▶ **WHAT YOU HAVE TO DO**: Scan the entries below and extract each line with the word "number" in it.

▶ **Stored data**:
————————

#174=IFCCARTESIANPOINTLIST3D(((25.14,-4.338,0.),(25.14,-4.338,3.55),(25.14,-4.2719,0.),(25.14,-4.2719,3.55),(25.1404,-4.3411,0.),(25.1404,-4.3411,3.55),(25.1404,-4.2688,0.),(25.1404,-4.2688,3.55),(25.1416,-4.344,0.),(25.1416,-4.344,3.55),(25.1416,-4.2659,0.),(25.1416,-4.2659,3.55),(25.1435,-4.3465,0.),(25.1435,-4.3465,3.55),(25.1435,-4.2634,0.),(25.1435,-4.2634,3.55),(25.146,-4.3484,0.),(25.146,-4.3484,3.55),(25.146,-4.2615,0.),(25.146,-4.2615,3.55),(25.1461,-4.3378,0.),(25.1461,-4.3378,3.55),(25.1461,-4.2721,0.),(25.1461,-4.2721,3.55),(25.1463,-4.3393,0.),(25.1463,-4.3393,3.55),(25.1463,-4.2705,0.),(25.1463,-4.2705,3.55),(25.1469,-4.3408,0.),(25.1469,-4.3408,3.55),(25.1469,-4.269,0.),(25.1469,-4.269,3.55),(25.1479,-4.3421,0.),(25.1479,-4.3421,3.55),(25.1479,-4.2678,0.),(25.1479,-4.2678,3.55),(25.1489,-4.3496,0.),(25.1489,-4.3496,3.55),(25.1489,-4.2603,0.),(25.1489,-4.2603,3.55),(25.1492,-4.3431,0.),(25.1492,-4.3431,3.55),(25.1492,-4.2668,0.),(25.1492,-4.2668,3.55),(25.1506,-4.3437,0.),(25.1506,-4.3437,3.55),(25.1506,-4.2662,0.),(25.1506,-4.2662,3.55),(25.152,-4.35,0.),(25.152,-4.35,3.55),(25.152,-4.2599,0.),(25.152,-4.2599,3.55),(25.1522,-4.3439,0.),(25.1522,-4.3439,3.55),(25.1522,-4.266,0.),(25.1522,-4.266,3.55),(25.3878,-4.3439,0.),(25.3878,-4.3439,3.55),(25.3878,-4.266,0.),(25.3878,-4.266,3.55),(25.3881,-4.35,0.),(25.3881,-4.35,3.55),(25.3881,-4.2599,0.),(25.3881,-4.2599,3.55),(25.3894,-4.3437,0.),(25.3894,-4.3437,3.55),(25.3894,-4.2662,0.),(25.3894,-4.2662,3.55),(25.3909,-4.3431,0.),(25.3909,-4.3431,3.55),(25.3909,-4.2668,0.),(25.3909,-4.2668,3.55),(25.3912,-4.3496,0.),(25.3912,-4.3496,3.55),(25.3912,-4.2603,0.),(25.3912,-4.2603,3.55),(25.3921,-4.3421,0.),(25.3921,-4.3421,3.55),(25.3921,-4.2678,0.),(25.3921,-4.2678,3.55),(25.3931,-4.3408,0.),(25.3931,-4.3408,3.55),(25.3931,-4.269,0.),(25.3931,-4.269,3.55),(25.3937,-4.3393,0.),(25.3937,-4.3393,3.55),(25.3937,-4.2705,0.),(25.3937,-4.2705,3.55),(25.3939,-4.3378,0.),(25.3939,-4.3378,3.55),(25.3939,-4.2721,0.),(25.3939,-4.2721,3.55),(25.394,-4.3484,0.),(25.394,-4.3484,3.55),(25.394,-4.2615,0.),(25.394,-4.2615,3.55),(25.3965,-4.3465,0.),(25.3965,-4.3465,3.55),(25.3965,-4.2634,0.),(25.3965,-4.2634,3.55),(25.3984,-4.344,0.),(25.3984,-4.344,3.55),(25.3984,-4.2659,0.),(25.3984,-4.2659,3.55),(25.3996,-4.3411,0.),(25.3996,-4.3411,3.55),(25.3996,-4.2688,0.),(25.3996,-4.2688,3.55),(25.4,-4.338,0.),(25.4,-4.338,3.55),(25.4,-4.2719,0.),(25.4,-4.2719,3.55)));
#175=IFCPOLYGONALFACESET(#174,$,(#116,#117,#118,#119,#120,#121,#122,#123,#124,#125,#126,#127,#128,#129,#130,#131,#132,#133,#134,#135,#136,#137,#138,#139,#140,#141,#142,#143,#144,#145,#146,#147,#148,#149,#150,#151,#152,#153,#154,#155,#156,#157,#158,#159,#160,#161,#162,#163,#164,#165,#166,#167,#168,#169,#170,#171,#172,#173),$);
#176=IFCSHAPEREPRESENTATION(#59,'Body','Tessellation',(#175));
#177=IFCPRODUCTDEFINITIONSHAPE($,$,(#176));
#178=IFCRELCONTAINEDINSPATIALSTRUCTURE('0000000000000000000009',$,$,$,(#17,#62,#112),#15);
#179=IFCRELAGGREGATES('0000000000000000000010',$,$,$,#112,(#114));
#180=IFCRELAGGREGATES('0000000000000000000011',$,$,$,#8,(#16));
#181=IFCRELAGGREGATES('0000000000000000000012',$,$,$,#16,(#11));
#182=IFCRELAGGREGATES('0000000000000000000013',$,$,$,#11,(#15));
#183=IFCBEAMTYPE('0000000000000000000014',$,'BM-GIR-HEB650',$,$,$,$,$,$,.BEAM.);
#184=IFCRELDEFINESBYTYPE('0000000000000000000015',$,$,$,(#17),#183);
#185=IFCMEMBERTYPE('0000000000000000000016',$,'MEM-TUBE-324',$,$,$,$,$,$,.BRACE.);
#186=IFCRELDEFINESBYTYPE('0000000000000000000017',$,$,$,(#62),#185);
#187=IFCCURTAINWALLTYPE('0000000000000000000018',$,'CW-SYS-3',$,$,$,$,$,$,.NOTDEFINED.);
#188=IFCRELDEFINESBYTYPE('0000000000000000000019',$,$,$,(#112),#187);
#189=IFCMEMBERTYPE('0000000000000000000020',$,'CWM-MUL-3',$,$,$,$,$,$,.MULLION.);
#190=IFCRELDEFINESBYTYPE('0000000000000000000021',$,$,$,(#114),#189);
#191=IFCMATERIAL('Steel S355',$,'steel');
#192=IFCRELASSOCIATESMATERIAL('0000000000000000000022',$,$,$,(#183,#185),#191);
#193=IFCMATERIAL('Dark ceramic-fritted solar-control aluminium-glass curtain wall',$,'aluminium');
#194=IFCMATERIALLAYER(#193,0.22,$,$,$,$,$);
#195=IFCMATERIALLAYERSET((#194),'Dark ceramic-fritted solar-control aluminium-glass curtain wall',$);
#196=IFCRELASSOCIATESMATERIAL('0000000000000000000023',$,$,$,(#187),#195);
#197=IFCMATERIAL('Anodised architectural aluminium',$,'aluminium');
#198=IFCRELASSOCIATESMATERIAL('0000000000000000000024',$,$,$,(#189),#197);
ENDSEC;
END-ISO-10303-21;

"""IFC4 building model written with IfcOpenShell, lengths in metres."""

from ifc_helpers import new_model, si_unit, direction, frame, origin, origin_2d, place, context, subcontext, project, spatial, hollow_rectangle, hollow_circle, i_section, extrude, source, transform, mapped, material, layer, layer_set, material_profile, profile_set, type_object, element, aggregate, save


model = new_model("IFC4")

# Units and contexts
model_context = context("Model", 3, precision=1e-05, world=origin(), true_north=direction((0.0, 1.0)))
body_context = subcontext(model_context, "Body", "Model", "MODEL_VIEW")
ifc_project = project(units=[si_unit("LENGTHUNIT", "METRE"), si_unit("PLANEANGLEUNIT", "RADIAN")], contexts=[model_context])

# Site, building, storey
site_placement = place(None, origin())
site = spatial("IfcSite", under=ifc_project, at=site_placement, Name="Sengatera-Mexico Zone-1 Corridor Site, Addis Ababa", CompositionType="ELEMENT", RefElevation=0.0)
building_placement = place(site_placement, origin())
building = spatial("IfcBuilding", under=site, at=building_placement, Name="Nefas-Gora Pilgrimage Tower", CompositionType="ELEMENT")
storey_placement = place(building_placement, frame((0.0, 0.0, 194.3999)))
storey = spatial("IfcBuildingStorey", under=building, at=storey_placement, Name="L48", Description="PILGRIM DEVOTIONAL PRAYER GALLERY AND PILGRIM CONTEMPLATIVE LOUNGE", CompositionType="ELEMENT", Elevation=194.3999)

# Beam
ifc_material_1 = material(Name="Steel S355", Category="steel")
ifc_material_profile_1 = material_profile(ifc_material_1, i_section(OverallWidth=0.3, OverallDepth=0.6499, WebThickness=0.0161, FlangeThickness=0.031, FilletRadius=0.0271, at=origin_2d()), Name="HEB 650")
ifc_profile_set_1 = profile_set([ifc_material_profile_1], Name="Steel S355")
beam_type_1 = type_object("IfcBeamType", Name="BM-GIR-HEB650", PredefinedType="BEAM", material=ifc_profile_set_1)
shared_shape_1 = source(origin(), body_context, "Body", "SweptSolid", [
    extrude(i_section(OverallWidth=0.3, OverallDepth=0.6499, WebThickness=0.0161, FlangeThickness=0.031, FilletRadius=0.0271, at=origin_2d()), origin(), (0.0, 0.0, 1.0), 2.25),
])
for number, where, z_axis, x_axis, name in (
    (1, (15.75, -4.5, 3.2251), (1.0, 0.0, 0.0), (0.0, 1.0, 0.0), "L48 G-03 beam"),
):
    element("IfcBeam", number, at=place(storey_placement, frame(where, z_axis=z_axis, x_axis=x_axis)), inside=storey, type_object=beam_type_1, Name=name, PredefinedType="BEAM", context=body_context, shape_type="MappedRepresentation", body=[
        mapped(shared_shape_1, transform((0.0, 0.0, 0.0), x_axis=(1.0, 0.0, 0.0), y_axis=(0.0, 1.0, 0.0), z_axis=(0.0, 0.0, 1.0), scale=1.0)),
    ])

————————

▶ **OUTPUT BELOW**:
for number, where, z_axis, x_axis, name in (
    element("IfcBeam", number, at=place(storey_placement, frame(where, z_axis=z_axis, x_axis=x_axis)), inside=storey, type_object=beam_type_1, Name=name, PredefinedType="BEAM", context=body_context, shape_type="MappedRepresentation", body=[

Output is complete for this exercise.